#### [AIM OF THE TASK]
Copy every line that holds the string "Brocal" from the data below.
-- DATA TO USE follows --
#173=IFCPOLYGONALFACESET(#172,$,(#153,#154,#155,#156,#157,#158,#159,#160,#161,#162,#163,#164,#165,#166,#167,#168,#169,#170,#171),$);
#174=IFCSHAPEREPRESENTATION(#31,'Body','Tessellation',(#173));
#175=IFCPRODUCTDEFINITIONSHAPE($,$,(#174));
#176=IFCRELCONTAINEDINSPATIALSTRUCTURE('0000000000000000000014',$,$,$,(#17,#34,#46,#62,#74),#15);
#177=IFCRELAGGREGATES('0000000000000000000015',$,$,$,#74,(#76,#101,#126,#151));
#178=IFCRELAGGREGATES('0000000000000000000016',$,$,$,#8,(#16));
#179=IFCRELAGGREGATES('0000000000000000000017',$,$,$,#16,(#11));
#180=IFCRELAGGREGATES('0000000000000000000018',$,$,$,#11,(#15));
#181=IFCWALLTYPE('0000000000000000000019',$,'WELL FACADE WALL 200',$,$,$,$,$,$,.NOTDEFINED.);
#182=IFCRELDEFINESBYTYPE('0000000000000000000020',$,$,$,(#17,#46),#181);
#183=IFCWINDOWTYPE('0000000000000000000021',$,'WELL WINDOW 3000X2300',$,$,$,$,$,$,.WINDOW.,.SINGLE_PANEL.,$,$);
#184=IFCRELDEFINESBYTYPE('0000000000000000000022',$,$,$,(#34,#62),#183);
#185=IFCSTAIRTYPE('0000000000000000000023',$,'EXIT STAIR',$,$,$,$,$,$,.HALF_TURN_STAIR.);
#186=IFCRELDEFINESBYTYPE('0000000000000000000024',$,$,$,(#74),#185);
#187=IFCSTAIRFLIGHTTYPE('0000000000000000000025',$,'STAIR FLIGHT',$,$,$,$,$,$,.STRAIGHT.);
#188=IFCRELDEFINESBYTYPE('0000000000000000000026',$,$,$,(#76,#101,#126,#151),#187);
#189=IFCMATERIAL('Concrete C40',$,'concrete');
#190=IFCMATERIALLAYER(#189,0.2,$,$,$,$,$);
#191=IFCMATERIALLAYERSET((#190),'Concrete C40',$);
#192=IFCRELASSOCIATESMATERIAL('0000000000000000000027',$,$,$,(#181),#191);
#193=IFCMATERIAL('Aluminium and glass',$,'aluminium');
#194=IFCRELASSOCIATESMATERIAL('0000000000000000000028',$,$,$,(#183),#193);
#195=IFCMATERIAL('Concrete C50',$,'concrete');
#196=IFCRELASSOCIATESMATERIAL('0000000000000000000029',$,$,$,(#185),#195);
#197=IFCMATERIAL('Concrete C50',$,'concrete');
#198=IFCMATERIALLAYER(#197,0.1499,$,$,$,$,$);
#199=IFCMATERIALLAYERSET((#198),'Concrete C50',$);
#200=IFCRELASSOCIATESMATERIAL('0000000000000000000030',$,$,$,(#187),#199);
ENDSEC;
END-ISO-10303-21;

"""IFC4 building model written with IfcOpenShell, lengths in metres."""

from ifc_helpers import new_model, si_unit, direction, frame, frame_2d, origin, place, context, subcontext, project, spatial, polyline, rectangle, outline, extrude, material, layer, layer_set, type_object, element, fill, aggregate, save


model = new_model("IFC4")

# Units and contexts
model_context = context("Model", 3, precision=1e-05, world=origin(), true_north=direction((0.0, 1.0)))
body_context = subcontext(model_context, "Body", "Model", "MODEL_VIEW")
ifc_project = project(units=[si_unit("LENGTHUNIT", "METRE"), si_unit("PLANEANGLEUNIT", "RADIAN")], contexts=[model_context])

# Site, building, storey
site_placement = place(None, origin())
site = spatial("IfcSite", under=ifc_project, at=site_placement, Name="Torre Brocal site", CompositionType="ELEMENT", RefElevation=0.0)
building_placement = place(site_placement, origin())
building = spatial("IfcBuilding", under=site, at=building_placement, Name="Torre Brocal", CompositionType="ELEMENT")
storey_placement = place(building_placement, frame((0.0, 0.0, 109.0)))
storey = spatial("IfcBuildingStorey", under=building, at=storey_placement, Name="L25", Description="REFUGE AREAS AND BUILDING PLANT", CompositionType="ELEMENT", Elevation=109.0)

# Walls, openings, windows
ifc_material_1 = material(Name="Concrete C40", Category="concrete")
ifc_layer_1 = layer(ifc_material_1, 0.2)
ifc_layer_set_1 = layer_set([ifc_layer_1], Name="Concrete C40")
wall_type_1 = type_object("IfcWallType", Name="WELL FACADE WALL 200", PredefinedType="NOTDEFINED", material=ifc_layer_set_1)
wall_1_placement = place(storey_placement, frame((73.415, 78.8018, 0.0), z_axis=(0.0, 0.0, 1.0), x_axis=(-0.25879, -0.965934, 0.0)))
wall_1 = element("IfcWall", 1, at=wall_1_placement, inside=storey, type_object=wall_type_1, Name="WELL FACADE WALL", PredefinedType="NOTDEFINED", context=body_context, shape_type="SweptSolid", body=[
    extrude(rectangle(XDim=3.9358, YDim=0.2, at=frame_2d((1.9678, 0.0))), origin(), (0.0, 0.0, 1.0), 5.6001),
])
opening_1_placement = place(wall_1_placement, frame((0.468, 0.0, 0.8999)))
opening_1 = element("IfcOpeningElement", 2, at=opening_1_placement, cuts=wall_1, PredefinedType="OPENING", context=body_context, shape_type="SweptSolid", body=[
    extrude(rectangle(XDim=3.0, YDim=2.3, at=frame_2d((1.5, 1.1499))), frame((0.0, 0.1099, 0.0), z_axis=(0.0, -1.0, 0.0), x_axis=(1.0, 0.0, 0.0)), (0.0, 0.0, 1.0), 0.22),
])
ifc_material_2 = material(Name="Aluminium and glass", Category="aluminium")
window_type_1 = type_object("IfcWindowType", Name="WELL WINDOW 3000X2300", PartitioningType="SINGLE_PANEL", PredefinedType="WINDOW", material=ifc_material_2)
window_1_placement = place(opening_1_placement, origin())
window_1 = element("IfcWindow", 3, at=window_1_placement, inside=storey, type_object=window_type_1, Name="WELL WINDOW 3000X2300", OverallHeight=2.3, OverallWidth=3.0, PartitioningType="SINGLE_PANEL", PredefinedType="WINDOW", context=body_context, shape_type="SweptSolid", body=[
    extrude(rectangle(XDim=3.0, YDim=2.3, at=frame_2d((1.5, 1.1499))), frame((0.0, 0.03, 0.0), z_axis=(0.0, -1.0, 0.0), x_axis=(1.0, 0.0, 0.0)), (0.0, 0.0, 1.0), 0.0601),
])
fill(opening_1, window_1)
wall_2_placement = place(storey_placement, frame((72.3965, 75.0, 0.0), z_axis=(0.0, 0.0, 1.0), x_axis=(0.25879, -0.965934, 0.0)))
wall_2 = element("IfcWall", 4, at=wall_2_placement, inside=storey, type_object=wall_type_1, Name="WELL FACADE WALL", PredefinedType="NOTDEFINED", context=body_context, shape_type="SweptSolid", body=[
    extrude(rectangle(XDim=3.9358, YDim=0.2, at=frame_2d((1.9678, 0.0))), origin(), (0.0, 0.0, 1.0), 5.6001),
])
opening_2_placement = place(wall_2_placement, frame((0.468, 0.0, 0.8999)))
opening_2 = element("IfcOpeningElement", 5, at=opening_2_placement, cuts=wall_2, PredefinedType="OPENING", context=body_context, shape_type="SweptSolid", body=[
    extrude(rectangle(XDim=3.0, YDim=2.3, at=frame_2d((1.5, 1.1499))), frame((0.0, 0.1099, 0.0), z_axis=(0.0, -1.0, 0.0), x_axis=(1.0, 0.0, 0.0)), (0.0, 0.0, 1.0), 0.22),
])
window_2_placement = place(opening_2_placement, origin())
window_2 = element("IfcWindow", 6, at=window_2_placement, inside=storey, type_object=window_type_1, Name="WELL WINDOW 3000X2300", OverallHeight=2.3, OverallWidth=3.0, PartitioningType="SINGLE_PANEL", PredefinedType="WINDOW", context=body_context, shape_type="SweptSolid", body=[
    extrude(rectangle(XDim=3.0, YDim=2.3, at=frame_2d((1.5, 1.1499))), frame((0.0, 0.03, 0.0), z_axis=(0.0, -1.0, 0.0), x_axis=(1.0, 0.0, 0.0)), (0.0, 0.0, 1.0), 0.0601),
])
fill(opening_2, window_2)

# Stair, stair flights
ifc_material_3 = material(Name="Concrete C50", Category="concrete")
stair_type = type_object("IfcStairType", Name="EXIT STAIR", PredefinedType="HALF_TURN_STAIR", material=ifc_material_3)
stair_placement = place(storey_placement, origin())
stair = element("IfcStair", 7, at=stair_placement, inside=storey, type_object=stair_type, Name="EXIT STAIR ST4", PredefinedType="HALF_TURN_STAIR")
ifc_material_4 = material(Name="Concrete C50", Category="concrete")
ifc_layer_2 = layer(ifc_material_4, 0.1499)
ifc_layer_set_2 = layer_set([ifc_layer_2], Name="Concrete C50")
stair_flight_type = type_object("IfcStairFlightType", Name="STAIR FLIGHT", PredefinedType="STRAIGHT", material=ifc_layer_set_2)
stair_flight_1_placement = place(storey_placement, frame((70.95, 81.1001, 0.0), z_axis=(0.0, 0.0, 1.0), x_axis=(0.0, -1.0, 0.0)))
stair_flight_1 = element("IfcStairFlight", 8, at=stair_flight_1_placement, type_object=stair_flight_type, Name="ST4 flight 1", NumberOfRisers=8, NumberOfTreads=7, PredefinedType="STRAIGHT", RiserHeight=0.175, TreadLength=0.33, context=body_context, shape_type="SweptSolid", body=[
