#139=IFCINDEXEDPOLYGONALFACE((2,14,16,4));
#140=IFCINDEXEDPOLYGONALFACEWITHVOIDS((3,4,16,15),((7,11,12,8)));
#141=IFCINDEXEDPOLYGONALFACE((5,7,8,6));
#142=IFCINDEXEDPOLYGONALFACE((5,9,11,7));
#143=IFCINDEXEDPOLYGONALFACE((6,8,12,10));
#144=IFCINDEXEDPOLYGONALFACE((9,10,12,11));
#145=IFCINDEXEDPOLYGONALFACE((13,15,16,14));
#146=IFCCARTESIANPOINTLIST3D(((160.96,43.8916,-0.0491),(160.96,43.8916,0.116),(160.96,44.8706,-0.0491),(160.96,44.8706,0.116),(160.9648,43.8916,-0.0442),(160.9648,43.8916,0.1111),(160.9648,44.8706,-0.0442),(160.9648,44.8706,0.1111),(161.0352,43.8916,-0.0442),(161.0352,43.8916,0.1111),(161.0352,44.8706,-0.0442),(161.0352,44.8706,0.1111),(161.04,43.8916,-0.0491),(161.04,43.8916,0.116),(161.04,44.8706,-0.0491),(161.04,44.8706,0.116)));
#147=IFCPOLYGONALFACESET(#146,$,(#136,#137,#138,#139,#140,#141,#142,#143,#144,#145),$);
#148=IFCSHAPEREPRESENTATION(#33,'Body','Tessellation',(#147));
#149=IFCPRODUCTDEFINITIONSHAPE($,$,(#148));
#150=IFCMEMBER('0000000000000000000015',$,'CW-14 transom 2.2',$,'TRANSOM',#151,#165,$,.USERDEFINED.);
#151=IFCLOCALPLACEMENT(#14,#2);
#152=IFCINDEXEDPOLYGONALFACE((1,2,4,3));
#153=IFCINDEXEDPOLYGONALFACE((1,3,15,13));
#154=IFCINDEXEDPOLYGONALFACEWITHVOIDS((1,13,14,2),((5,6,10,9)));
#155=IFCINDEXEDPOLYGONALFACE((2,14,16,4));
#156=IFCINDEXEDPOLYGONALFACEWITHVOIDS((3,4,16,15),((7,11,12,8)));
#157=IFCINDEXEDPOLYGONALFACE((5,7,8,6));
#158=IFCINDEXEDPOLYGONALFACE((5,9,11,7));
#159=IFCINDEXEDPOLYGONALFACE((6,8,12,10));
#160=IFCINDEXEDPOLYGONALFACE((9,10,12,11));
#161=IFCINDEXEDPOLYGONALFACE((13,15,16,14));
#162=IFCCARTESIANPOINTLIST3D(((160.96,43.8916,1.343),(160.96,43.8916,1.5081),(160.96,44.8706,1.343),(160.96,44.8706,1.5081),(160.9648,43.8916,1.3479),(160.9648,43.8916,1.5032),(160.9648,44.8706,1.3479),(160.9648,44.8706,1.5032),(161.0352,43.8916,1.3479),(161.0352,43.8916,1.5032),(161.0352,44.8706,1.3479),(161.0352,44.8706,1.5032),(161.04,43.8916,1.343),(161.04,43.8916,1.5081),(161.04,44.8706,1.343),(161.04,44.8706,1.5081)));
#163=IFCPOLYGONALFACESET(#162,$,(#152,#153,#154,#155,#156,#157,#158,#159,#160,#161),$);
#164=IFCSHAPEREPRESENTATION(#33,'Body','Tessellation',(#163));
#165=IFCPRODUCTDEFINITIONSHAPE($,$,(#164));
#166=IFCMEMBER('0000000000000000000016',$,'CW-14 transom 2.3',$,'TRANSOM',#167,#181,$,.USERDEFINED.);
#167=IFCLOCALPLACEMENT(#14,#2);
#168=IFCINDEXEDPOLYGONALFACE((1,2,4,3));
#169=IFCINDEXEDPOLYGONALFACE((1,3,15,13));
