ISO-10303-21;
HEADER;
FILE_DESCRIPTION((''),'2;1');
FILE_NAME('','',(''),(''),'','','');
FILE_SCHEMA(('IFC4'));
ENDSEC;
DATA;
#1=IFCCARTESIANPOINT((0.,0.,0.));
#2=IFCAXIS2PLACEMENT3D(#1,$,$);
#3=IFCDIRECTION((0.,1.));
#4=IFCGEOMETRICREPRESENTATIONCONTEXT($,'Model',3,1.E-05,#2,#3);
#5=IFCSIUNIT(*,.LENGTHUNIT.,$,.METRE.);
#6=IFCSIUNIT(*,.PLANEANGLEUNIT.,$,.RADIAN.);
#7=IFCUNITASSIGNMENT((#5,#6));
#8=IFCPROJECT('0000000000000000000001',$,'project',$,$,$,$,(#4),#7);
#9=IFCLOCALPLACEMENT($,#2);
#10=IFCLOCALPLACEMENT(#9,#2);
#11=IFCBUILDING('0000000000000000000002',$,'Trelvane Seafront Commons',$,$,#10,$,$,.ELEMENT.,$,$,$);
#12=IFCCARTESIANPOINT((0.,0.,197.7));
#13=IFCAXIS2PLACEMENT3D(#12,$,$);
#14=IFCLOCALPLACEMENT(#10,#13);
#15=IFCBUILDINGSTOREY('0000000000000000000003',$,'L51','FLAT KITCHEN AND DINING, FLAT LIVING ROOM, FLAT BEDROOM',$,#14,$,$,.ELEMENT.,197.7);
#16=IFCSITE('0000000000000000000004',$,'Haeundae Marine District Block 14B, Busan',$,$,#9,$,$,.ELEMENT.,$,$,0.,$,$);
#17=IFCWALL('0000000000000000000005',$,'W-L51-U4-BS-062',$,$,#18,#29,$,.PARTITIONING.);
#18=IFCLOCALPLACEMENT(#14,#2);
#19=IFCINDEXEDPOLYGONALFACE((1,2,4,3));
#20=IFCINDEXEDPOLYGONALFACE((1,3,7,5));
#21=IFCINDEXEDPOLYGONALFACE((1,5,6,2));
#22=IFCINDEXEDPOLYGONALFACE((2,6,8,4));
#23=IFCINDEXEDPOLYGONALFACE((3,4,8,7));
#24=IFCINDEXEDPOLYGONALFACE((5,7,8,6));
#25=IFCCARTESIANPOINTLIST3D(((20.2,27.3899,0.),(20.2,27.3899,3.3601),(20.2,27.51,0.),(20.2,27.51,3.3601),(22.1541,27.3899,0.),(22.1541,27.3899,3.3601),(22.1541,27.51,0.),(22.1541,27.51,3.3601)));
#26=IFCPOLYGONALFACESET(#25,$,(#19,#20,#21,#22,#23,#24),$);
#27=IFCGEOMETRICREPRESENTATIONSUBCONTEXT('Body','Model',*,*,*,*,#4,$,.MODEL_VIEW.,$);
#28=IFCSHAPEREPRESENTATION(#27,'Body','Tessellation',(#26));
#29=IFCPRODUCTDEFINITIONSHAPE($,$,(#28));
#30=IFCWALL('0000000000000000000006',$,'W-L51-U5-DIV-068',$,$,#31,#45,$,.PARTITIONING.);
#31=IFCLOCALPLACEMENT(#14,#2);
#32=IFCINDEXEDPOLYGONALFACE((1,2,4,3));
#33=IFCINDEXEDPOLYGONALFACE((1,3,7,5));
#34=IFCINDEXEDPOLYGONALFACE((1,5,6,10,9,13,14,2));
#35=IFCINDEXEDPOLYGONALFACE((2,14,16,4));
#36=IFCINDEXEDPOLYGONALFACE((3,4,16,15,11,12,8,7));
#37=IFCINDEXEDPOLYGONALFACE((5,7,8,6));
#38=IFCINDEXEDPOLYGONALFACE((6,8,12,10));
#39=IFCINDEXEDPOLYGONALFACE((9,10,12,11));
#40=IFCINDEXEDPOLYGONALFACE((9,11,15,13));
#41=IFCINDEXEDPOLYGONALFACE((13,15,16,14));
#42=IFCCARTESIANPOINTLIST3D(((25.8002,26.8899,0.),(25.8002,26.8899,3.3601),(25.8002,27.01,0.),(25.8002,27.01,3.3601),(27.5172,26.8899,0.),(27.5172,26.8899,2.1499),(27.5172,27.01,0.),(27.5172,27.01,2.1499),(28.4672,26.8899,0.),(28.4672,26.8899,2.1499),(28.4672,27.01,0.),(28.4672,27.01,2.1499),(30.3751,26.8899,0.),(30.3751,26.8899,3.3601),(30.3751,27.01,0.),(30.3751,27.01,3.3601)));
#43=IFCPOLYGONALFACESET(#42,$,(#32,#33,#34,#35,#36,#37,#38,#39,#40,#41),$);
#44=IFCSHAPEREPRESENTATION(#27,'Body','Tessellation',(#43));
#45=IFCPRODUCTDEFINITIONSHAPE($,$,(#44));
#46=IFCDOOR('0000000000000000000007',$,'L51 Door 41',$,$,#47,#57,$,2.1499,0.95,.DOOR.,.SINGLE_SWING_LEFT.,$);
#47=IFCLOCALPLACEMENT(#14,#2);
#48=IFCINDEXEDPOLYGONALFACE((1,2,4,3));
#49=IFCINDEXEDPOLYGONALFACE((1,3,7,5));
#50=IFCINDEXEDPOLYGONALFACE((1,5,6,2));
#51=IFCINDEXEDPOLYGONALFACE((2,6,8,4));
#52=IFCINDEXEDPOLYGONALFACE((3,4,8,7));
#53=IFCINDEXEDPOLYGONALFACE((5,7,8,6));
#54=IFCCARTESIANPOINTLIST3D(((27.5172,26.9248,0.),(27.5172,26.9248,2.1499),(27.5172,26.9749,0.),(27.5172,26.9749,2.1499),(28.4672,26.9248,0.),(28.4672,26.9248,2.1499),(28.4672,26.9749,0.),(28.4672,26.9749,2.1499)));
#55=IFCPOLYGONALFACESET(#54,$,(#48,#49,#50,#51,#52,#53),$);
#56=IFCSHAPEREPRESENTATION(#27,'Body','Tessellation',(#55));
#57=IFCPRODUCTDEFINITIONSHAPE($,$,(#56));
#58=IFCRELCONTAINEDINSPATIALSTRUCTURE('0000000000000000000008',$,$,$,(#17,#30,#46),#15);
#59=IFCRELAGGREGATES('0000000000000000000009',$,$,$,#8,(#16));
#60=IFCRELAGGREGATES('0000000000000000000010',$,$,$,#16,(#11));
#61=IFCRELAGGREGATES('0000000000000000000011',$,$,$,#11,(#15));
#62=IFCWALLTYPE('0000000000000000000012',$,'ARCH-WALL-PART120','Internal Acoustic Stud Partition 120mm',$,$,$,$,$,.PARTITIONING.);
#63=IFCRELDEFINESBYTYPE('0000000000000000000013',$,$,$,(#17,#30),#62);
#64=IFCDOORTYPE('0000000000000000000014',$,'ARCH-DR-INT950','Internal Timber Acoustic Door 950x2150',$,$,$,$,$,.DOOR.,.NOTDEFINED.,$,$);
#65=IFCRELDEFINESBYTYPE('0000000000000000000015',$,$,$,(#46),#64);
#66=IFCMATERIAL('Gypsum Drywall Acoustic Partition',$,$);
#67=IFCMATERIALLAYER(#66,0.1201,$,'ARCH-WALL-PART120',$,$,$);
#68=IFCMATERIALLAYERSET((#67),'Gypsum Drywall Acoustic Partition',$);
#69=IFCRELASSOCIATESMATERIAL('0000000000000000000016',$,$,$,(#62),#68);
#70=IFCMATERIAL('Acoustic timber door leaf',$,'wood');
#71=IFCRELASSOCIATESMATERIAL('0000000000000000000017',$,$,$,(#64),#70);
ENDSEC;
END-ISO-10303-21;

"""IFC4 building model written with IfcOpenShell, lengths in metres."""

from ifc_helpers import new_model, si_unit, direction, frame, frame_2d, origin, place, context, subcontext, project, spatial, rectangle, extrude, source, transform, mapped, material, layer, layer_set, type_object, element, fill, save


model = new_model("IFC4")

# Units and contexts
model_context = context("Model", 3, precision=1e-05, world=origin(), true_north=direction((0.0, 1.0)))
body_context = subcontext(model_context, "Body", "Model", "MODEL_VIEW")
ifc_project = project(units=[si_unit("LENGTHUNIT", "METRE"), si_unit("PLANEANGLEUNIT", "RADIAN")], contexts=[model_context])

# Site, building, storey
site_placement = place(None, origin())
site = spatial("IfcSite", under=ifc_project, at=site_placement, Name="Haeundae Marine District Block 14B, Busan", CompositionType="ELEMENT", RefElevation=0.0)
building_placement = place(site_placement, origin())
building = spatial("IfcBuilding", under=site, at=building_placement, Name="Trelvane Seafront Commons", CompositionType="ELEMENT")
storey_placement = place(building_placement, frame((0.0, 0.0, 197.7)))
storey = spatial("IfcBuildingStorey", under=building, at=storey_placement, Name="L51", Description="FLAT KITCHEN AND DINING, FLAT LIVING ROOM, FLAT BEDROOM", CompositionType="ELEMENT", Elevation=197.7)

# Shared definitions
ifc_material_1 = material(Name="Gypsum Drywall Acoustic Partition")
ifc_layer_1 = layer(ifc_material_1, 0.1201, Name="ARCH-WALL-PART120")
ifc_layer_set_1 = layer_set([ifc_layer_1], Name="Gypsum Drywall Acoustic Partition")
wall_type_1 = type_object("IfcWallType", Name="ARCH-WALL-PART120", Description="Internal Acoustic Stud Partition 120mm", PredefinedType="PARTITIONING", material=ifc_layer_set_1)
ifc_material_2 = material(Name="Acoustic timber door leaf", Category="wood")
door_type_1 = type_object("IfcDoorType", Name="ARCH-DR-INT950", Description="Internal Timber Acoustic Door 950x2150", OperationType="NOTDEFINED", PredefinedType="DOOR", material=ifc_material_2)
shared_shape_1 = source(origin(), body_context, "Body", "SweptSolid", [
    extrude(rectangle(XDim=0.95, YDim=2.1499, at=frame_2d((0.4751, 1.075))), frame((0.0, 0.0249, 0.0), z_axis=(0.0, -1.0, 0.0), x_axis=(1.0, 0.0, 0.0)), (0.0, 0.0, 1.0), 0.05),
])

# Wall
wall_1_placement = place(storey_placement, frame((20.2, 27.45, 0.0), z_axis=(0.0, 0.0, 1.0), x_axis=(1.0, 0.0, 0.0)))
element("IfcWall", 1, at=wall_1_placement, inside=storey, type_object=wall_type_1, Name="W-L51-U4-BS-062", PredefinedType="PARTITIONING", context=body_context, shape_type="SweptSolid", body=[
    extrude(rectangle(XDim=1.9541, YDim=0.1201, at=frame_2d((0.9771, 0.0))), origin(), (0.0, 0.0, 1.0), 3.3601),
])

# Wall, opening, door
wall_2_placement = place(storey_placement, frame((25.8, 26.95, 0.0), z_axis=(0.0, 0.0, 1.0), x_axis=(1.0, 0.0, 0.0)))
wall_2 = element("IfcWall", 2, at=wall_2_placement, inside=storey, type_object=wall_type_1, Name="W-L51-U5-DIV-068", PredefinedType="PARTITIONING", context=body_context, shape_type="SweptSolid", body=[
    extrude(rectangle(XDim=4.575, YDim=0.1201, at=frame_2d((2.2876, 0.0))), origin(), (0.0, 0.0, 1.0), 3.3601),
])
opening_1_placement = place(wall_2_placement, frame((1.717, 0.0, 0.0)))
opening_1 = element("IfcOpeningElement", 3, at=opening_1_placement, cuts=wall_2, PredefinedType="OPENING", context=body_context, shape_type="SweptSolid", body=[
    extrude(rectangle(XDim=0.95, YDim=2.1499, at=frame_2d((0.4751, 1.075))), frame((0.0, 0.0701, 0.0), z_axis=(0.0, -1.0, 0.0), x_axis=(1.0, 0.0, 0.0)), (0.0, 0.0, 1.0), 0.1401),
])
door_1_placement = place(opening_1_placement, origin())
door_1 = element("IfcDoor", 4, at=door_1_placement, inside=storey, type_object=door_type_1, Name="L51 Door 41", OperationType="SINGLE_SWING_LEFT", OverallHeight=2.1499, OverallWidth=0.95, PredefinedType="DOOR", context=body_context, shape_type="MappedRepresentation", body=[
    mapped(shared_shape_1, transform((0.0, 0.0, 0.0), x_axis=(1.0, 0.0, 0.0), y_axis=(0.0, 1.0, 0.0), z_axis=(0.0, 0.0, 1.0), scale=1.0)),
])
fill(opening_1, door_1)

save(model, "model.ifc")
-- DATA TO USE concluded --
#### [RESPONSE BOX]
site = spatial("IfcSite", under=ifc_project, at=site_placement, Name="Torre Brocal site", CompositionType="ELEMENT", RefElevation=0.0)
building = spatial("IfcBuilding", under=site, at=building_placement, Name="Torre Brocal", CompositionType="ELEMENT")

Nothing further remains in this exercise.